═════ DATASET EXTRACT

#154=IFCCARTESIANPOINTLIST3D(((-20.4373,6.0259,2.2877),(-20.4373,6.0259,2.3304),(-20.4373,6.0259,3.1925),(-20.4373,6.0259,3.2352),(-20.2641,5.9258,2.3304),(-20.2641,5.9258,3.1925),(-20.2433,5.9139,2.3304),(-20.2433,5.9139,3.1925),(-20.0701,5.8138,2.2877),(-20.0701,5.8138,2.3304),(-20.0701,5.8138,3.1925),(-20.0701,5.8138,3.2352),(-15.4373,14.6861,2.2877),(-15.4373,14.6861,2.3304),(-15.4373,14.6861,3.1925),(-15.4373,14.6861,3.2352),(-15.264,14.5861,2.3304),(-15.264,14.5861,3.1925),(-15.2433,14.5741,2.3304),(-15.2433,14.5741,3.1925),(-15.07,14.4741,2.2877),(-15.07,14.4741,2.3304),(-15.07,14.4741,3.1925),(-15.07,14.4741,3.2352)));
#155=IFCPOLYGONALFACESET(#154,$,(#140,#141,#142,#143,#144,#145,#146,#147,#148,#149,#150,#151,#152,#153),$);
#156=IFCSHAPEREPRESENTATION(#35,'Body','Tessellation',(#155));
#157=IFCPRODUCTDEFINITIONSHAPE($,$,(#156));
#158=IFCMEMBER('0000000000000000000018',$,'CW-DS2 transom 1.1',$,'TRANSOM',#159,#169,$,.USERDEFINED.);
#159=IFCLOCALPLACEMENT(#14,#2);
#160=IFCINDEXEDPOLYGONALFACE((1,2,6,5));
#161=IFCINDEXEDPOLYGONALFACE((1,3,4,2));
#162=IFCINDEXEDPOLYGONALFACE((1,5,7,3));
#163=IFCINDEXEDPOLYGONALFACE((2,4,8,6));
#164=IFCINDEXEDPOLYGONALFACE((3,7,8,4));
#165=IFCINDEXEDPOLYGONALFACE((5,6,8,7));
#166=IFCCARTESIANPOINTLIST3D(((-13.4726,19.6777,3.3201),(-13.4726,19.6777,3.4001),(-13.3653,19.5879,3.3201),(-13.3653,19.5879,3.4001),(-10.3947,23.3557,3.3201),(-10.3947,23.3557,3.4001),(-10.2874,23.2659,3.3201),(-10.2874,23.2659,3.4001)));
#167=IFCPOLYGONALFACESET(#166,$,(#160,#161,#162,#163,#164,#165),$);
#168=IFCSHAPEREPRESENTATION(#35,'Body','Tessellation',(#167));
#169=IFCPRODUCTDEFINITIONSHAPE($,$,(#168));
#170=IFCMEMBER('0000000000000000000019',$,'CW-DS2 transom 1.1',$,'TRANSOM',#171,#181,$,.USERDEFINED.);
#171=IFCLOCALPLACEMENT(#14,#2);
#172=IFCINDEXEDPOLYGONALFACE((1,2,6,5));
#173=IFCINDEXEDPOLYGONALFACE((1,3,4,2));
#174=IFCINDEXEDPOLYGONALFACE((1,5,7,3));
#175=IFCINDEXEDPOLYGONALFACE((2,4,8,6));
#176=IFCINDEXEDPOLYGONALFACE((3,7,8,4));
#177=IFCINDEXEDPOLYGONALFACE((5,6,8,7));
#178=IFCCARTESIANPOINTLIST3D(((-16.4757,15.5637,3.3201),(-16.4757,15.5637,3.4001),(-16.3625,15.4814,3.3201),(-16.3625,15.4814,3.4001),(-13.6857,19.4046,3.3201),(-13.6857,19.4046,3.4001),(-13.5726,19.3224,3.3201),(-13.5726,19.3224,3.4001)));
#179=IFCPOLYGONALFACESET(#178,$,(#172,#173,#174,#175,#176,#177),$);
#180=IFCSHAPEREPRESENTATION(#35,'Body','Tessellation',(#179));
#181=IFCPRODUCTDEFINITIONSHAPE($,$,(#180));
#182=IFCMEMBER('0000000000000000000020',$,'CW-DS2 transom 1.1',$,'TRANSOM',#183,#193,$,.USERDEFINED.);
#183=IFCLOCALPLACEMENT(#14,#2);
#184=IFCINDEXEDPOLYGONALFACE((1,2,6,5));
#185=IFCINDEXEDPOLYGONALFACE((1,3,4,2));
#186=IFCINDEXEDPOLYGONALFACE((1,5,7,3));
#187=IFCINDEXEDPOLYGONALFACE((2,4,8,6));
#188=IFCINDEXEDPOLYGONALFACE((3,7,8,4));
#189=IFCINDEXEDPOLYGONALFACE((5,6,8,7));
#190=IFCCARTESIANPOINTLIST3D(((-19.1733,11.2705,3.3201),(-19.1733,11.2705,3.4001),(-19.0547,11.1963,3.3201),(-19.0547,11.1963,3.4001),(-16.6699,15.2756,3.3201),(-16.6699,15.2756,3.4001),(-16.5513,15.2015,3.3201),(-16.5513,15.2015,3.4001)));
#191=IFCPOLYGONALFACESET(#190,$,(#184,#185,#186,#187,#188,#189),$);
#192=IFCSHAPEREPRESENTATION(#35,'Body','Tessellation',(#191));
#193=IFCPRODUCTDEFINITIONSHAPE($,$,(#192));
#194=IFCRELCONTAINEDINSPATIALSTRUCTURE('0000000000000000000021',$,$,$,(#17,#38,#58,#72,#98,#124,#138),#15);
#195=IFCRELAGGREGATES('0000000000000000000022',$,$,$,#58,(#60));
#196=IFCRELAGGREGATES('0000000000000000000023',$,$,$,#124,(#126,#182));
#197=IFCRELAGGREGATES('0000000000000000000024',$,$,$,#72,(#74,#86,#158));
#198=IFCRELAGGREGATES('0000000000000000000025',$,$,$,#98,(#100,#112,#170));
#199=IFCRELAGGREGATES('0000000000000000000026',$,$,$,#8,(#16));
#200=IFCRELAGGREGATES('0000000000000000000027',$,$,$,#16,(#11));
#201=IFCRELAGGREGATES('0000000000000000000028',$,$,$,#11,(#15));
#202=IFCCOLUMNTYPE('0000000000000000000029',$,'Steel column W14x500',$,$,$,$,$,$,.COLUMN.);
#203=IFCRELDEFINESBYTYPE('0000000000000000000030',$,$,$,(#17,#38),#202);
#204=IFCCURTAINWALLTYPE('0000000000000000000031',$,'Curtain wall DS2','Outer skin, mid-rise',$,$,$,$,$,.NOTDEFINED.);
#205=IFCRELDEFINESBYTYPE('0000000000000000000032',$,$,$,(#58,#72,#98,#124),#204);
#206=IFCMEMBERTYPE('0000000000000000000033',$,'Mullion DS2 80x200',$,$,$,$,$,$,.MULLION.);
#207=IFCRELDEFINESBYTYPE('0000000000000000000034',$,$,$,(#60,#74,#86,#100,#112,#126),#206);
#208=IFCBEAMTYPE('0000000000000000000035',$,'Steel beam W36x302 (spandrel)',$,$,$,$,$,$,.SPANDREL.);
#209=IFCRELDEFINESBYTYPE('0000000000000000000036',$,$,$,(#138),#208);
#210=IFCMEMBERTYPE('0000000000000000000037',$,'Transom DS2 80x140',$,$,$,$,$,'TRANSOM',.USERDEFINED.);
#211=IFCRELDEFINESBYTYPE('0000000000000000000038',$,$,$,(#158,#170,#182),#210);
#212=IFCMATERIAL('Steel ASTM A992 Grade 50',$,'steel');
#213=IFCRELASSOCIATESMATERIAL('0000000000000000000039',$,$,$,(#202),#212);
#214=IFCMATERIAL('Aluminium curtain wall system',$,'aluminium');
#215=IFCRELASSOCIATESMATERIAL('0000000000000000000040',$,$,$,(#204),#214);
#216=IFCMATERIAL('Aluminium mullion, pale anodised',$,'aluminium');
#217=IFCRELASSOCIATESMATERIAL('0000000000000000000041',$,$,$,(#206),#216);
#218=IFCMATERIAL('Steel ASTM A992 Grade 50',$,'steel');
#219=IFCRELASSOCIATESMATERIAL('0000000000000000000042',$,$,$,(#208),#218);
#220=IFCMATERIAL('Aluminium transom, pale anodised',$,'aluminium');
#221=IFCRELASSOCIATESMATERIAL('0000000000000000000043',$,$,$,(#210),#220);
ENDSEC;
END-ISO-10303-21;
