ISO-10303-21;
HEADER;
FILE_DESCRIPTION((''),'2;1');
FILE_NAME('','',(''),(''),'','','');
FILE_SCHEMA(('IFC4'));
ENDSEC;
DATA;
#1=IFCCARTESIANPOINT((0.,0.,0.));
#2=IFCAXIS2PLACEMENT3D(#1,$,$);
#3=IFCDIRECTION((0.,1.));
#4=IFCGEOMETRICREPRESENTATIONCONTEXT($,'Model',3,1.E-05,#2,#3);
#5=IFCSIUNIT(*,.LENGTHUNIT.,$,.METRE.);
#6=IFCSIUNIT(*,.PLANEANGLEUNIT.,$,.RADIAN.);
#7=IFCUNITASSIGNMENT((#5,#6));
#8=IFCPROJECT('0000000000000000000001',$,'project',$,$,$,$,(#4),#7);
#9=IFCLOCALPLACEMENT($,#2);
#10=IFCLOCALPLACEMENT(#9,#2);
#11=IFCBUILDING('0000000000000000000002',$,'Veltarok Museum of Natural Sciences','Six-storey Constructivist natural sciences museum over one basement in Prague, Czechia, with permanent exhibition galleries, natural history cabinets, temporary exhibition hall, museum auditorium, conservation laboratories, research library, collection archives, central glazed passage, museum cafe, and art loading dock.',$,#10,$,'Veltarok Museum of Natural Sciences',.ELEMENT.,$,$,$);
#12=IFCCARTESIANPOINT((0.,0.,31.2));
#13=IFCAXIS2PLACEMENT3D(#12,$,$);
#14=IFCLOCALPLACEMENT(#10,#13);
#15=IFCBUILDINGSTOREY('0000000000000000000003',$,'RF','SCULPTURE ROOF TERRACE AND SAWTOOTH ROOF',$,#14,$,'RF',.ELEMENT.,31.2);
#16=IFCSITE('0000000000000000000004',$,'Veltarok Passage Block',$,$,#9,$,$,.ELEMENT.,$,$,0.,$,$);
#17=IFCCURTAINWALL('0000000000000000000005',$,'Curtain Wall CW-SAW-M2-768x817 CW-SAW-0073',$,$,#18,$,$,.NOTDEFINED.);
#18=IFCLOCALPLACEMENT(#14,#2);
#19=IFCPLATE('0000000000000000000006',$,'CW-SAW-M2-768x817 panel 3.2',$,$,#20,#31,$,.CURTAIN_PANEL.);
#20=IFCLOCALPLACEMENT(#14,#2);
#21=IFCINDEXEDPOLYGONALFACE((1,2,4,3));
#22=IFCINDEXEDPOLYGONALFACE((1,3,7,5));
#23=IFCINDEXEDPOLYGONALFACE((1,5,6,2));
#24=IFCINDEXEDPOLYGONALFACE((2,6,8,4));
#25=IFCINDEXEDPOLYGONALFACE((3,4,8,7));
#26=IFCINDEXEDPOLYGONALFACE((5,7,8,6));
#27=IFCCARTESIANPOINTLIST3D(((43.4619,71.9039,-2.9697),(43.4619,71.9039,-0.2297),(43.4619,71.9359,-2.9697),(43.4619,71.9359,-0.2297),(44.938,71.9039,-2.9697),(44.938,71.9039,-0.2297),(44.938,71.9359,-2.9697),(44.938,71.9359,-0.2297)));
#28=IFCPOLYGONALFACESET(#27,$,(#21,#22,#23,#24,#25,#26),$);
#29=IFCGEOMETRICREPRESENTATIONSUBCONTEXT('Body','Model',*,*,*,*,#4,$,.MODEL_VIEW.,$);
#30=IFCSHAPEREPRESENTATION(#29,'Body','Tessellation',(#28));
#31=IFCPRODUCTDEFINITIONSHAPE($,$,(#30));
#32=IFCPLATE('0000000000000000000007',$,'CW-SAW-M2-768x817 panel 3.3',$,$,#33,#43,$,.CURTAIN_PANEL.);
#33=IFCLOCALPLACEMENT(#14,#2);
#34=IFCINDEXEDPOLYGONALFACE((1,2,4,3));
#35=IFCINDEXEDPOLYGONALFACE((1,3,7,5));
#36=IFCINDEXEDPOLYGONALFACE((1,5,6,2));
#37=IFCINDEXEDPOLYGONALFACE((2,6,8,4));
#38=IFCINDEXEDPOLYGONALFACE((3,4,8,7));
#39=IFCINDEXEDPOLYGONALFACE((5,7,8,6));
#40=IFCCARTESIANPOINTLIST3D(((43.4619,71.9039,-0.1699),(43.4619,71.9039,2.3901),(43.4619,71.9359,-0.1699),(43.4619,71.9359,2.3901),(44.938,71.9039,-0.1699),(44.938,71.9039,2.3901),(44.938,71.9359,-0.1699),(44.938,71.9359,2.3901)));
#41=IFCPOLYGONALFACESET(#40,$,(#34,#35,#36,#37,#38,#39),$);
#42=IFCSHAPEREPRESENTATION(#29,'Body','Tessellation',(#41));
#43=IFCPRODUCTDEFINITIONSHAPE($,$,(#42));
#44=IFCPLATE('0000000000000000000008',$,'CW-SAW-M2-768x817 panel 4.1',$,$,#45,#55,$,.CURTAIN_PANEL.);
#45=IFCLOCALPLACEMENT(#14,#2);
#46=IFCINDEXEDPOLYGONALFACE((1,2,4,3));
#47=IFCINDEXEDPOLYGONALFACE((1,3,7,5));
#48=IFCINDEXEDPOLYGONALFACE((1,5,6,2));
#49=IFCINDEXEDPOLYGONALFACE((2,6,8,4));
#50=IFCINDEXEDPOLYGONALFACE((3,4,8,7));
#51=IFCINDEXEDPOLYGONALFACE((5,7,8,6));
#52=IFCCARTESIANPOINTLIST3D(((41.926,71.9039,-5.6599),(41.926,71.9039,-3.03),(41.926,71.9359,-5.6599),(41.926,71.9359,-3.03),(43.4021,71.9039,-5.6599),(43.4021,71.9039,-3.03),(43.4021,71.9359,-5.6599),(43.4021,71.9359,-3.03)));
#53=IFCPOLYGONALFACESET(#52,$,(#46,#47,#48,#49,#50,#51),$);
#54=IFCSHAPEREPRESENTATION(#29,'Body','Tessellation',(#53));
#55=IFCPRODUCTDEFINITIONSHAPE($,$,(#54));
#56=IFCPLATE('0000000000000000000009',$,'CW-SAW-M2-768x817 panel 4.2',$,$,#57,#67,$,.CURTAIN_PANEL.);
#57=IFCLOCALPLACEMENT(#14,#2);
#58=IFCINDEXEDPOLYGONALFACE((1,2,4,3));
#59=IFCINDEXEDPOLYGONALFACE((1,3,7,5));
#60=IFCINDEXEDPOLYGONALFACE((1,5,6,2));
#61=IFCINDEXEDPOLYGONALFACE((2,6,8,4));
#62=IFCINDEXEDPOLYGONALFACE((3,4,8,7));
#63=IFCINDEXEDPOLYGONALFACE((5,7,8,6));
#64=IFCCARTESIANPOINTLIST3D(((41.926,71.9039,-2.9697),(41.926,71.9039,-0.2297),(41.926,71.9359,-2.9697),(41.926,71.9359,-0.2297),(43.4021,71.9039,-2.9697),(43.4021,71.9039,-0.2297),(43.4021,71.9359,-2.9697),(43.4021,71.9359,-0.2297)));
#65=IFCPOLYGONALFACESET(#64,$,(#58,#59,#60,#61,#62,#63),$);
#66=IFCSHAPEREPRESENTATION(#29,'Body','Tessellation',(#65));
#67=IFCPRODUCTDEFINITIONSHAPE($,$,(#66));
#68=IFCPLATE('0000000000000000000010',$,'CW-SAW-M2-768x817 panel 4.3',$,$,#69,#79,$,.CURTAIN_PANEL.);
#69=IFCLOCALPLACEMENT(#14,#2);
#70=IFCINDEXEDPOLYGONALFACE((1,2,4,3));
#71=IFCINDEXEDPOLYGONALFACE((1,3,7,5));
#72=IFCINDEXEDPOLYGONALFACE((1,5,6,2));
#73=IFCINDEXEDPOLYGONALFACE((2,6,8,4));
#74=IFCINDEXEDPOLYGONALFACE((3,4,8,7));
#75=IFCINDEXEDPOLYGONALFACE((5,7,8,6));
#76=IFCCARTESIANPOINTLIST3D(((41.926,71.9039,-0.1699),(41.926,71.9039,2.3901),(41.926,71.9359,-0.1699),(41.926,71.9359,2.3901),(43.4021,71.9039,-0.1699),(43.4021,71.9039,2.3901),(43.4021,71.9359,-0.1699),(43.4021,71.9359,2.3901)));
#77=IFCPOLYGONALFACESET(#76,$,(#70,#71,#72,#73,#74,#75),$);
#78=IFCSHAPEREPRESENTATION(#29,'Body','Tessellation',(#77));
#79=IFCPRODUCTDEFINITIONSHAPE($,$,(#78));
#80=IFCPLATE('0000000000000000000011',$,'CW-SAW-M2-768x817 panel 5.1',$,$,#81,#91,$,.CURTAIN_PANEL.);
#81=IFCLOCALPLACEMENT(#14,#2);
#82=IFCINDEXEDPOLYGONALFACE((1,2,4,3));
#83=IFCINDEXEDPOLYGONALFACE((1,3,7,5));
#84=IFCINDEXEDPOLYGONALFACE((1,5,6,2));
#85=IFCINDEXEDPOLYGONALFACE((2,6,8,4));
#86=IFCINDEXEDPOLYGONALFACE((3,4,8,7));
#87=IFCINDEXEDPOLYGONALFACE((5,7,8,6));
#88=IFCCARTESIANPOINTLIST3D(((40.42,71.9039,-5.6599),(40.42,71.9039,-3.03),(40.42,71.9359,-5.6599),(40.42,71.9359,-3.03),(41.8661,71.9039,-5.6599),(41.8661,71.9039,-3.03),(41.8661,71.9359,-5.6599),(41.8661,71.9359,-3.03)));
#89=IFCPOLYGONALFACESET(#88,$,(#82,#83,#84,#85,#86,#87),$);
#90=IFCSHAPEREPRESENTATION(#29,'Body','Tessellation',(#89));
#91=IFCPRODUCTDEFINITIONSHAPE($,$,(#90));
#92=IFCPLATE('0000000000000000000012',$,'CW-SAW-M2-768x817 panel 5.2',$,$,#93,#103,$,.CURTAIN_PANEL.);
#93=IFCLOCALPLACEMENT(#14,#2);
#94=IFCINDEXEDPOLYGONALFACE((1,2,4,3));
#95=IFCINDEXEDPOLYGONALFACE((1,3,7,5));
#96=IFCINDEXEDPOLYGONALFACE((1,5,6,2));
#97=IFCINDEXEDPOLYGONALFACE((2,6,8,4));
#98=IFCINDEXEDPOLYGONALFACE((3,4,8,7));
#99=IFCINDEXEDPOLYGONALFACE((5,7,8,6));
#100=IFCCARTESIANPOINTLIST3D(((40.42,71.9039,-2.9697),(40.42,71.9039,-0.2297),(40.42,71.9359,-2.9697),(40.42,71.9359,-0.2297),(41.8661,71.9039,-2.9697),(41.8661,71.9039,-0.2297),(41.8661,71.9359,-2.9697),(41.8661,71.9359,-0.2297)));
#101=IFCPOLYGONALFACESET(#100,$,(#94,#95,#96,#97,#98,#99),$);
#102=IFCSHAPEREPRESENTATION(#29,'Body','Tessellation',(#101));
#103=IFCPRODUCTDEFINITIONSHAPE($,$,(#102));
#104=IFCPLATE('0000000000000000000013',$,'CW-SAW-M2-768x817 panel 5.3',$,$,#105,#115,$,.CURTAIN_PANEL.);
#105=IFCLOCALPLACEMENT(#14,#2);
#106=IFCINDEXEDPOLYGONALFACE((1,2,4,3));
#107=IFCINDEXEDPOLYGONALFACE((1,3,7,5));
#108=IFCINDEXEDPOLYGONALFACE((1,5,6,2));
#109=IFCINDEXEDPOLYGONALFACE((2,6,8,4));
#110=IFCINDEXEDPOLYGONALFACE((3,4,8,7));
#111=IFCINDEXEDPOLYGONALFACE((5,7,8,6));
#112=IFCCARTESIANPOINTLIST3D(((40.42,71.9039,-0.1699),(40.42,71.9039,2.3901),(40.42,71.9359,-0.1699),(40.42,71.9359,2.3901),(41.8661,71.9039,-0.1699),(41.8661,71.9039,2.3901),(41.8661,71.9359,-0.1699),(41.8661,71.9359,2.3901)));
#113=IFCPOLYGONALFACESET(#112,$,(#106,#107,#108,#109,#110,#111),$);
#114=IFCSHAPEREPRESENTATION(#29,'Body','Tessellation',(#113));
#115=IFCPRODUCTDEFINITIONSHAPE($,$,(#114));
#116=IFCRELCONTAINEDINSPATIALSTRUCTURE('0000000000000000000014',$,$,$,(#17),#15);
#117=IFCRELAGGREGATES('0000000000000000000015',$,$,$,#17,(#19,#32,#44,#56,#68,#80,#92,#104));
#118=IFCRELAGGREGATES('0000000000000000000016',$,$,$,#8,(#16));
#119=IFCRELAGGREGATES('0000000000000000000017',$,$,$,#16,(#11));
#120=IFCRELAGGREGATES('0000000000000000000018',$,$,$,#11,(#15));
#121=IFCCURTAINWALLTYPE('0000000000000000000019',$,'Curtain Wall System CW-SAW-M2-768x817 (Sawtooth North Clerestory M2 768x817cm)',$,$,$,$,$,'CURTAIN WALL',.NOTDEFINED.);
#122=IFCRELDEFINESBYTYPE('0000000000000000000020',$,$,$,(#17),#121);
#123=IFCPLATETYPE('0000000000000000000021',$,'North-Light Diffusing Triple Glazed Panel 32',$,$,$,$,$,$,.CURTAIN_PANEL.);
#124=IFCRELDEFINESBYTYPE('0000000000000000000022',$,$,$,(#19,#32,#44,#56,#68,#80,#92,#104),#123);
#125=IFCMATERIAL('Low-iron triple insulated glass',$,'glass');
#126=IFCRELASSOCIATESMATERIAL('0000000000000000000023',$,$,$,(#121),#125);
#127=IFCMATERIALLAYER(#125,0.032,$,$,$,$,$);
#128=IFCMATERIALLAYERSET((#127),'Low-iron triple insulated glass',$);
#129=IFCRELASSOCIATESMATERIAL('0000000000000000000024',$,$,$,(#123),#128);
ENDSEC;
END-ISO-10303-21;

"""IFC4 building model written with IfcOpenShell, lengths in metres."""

from ifc_helpers import new_model, si_unit, direction, frame, origin, origin_2d, place, context, subcontext, project, spatial, rectangle, extrude, material, layer, layer_set, type_object, element, aggregate, save


model = new_model("IFC4")

# Units and contexts
model_context = context("Model", 3, precision=1e-05, world=origin(), true_north=direction((0.0, 1.0)))
body_context = subcontext(model_context, "Body", "Model", "MODEL_VIEW")
ifc_project = project(units=[si_unit("LENGTHUNIT", "METRE"), si_unit("PLANEANGLEUNIT", "RADIAN")], contexts=[model_context])

# Site, building, storey
site_placement = place(None, origin())
site = spatial("IfcSite", under=ifc_project, at=site_placement, Name="Veltarok Passage Block", CompositionType="ELEMENT", RefElevation=0.0)
building_placement = place(site_placement, origin())
building = spatial("IfcBuilding", under=site, at=building_placement, Name="Veltarok Museum of Natural Sciences", Description="Six-storey Constructivist natural sciences museum over one basement in Prague, Czechia, with permanent exhibition galleries, natural history cabinets, temporary exhibition hall, museum auditorium, conservation laboratories, research library, collection archives, central glazed passage, museum cafe, and art loading dock.", LongName="Veltarok Museum of Natural Sciences", CompositionType="ELEMENT")
storey_placement = place(building_placement, frame((0.0, 0.0, 31.2)))
storey = spatial("IfcBuildingStorey", under=building, at=storey_placement, Name="RF", Description="SCULPTURE ROOF TERRACE AND SAWTOOTH ROOF", LongName="RF", CompositionType="ELEMENT", Elevation=31.2)

# Curtain wall
ifc_material_1 = material(Name="Low-iron triple insulated glass", Category="glass")
curtain_wall_type = type_object("IfcCurtainWallType", Name="Curtain Wall System CW-SAW-M2-768x817 (Sawtooth North Clerestory M2 768x817cm)", ElementType="CURTAIN WALL", PredefinedType="NOTDEFINED", material=ifc_material_1)
curtain_wall_placement = place(storey_placement, origin())
curtain_wall = element("IfcCurtainWall", 1, at=curtain_wall_placement, inside=storey, type_object=curtain_wall_type, Name="Curtain Wall CW-SAW-M2-768x817 CW-SAW-0073", PredefinedType="NOTDEFINED")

══════════

■ **ASSIGNMENT**:
Please reproduce the lines from the line with "#71=IFCINDEXEDPOLYGONALFACE((1,3,7,5));" to the line with "#102=IFCSHAPEREPRESENTATION(#29,'Body','Tessellation',(#101));", both ends included, exactly as they appear above.

■ **RESPONSE AREA**:
#71=IFCINDEXEDPOLYGONALFACE((1,3,7,5));
#72=IFCINDEXEDPOLYGONALFACE((1,5,6,2));
#73=IFCINDEXEDPOLYGONALFACE((2,6,8,4));
#74=IFCINDEXEDPOLYGONALFACE((3,4,8,7));
#75=IFCINDEXEDPOLYGONALFACE((5,7,8,6));
#76=IFCCARTESIANPOINTLIST3D(((41.926,71.9039,-0.1699),(41.926,71.9039,2.3901),(41.926,71.9359,-0.1699),(41.926,71.9359,2.3901),(43.4021,71.9039,-0.1699),(43.4021,71.9039,2.3901),(43.4021,71.9359,-0.1699),(43.4021,71.9359,2.3901)));
#77=IFCPOLYGONALFACESET(#76,$,(#70,#71,#72,#73,#74,#75),$);
#78=IFCSHAPEREPRESENTATION(#29,'Body','Tessellation',(#77));
#79=IFCPRODUCTDEFINITIONSHAPE($,$,(#78));
#80=IFCPLATE('0000000000000000000011',$,'CW-SAW-M2-768x817 panel 5.1',$,$,#81,#91,$,.CURTAIN_PANEL.);
#81=IFCLOCALPLACEMENT(#14,#2);
#82=IFCINDEXEDPOLYGONALFACE((1,2,4,3));
#83=IFCINDEXEDPOLYGONALFACE((1,3,7,5));
#84=IFCINDEXEDPOLYGONALFACE((1,5,6,2));
#85=IFCINDEXEDPOLYGONALFACE((2,6,8,4));
#86=IFCINDEXEDPOLYGONALFACE((3,4,8,7));
#87=IFCINDEXEDPOLYGONALFACE((5,7,8,6));
#88=IFCCARTESIANPOINTLIST3D(((40.42,71.9039,-5.6599),(40.42,71.9039,-3.03),(40.42,71.9359,-5.6599),(40.42,71.9359,-3.03),(41.8661,71.9039,-5.6599),(41.8661,71.9039,-3.03),(41.8661,71.9359,-5.6599),(41.8661,71.9359,-3.03)));
#89=IFCPOLYGONALFACESET(#88,$,(#82,#83,#84,#85,#86,#87),$);
#90=IFCSHAPEREPRESENTATION(#29,'Body','Tessellation',(#89));
#91=IFCPRODUCTDEFINITIONSHAPE($,$,(#90));
#92=IFCPLATE('0000000000000000000012',$,'CW-SAW-M2-768x817 panel 5.2',$,$,#93,#103,$,.CURTAIN_PANEL.);
#93=IFCLOCALPLACEMENT(#14,#2);
#94=IFCINDEXEDPOLYGONALFACE((1,2,4,3));
#95=IFCINDEXEDPOLYGONALFACE((1,3,7,5));
#96=IFCINDEXEDPOLYGONALFACE((1,5,6,2));
#97=IFCINDEXEDPOLYGONALFACE((2,6,8,4));
#98=IFCINDEXEDPOLYGONALFACE((3,4,8,7));
#99=IFCINDEXEDPOLYGONALFACE((5,7,8,6));
#100=IFCCARTESIANPOINTLIST3D(((40.42,71.9039,-2.9697),(40.42,71.9039,-0.2297),(40.42,71.9359,-2.9697),(40.42,71.9359,-0.2297),(41.8661,71.9039,-2.9697),(41.8661,71.9039,-0.2297),(41.8661,71.9359,-2.9697),(41.8661,71.9359,-0.2297)));
#101=IFCPOLYGONALFACESET(#100,$,(#94,#95,#96,#97,#98,#99),$);
#102=IFCSHAPEREPRESENTATION(#29,'Body','Tessellation',(#101));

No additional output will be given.